Dataset entries:
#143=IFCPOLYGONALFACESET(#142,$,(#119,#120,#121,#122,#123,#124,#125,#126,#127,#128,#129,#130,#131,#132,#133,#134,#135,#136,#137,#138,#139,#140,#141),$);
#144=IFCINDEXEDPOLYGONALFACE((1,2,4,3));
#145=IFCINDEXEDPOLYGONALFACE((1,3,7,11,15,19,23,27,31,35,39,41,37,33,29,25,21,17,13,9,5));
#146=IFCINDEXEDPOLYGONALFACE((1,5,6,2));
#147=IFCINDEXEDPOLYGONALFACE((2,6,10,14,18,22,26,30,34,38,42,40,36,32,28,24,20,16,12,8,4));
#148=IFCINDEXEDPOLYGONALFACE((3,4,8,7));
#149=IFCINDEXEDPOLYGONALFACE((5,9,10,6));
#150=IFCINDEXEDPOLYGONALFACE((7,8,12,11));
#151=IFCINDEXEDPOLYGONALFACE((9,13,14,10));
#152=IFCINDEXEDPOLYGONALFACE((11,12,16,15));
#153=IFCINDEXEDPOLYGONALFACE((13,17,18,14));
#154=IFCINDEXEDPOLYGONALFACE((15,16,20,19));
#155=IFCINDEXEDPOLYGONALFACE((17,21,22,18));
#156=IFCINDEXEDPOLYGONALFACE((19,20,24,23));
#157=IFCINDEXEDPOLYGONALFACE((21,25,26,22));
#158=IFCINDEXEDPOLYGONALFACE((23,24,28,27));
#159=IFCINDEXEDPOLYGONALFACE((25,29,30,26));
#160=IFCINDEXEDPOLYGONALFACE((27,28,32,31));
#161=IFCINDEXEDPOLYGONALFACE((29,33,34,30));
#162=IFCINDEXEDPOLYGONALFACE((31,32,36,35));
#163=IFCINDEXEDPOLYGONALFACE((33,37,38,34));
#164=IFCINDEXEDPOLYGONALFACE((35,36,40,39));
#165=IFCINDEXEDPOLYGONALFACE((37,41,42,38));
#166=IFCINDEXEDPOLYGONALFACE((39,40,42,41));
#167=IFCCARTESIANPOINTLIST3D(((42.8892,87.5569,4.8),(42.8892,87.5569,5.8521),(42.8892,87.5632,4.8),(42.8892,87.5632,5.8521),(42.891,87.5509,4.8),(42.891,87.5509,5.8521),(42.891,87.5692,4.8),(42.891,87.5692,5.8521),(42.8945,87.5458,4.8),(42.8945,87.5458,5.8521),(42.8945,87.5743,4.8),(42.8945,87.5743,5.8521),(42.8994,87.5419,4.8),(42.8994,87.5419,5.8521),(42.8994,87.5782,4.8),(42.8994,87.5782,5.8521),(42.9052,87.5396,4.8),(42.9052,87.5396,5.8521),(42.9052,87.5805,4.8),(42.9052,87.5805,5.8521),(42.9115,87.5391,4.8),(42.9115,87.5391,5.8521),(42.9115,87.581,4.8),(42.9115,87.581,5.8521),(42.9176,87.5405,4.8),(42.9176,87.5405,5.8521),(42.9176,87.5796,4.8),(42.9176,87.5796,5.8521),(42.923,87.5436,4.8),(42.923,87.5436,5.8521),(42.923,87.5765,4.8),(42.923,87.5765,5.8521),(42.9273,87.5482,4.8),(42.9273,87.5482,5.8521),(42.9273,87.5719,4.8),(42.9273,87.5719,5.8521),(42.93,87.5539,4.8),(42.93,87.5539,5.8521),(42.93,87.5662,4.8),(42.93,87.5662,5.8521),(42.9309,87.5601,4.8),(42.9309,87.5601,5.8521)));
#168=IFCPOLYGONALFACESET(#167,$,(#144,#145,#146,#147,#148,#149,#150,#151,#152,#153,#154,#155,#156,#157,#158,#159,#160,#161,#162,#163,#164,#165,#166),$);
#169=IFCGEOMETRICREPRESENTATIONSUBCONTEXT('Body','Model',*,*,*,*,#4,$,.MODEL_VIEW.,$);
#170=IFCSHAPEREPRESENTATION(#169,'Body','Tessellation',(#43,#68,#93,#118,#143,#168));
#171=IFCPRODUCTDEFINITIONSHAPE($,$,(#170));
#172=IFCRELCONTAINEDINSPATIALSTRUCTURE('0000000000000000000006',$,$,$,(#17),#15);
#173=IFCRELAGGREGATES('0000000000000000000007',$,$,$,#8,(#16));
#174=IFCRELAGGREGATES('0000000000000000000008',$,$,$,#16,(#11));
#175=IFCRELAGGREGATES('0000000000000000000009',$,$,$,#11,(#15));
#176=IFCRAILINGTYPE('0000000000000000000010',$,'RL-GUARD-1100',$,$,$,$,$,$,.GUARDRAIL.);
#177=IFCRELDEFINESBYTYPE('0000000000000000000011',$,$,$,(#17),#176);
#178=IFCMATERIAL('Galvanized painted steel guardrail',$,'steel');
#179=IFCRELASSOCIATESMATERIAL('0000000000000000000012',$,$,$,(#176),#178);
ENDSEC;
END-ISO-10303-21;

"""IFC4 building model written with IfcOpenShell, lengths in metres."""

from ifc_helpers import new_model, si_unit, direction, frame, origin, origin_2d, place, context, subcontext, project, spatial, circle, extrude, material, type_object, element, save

> [Instructions to follow]
Copy exactly the stretch of data above from the line with "#146=IFCINDEXEDPOLYGONALFACE((1,5,6,2));" through the line with "#166=IFCINDEXEDPOLYGONALFACE((39,40,42,41));", and omit all other lines.

> [Your solution]
#146=IFCINDEXEDPOLYGONALFACE((1,5,6,2));
#147=IFCINDEXEDPOLYGONALFACE((2,6,10,14,18,22,26,30,34,38,42,40,36,32,28,24,20,16,12,8,4));
#148=IFCINDEXEDPOLYGONALFACE((3,4,8,7));
#149=IFCINDEXEDPOLYGONALFACE((5,9,10,6));
#150=IFCINDEXEDPOLYGONALFACE((7,8,12,11));
#151=IFCINDEXEDPOLYGONALFACE((9,13,14,10));
#152=IFCINDEXEDPOLYGONALFACE((11,12,16,15));
#153=IFCINDEXEDPOLYGONALFACE((13,17,18,14));
#154=IFCINDEXEDPOLYGONALFACE((15,16,20,19));
#155=IFCINDEXEDPOLYGONALFACE((17,21,22,18));
#156=IFCINDEXEDPOLYGONALFACE((19,20,24,23));
#157=IFCINDEXEDPOLYGONALFACE((21,25,26,22));
#158=IFCINDEXEDPOLYGONALFACE((23,24,28,27));
#159=IFCINDEXEDPOLYGONALFACE((25,29,30,26));
#160=IFCINDEXEDPOLYGONALFACE((27,28,32,31));
#161=IFCINDEXEDPOLYGONALFACE((29,33,34,30));
#162=IFCINDEXEDPOLYGONALFACE((31,32,36,35));
#163=IFCINDEXEDPOLYGONALFACE((33,37,38,34));
#164=IFCINDEXEDPOLYGONALFACE((35,36,40,39));
#165=IFCINDEXEDPOLYGONALFACE((37,41,42,38));
#166=IFCINDEXEDPOLYGONALFACE((39,40,42,41));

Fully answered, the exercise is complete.